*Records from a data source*
::::::::
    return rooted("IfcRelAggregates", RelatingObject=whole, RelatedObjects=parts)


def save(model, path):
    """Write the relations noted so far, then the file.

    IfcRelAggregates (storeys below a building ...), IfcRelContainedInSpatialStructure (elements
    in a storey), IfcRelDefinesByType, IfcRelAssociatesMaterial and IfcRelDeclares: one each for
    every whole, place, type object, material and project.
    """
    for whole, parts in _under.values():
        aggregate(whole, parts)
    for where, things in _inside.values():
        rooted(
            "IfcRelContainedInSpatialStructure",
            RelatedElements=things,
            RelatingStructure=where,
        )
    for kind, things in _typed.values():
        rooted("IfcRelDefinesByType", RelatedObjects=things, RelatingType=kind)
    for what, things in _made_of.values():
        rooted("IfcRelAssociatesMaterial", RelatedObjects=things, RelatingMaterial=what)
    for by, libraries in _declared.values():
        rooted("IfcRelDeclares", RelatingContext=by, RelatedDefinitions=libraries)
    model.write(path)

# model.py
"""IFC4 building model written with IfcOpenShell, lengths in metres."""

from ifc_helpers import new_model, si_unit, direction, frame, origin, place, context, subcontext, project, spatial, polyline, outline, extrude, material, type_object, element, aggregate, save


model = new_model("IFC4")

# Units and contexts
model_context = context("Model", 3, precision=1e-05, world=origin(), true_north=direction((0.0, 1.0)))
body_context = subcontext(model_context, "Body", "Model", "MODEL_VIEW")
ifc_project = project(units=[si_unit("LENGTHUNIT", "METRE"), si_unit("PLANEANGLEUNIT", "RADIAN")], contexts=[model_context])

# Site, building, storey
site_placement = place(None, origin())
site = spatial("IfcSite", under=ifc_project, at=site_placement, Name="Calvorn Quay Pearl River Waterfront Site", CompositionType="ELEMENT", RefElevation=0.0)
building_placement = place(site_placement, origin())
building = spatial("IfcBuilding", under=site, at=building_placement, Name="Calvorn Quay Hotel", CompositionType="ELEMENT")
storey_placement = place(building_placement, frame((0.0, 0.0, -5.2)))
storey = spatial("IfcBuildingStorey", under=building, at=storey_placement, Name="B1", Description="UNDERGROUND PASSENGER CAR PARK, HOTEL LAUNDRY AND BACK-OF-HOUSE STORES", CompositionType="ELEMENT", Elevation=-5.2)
::::::::
*Your instructions*
Once you find the line with "# Site, building, storey" in the entries above, output it and each line after it up to and including the line with "building_placement = place(site_placement, origin())", and nothing else.

*Final answer*
# Site, building, storey
site_placement = place(None, origin())
site = spatial("IfcSite", under=ifc_project, at=site_placement, Name="Calvorn Quay Pearl River Waterfront Site", CompositionType="ELEMENT", RefElevation=0.0)
building_placement = place(site_placement, origin())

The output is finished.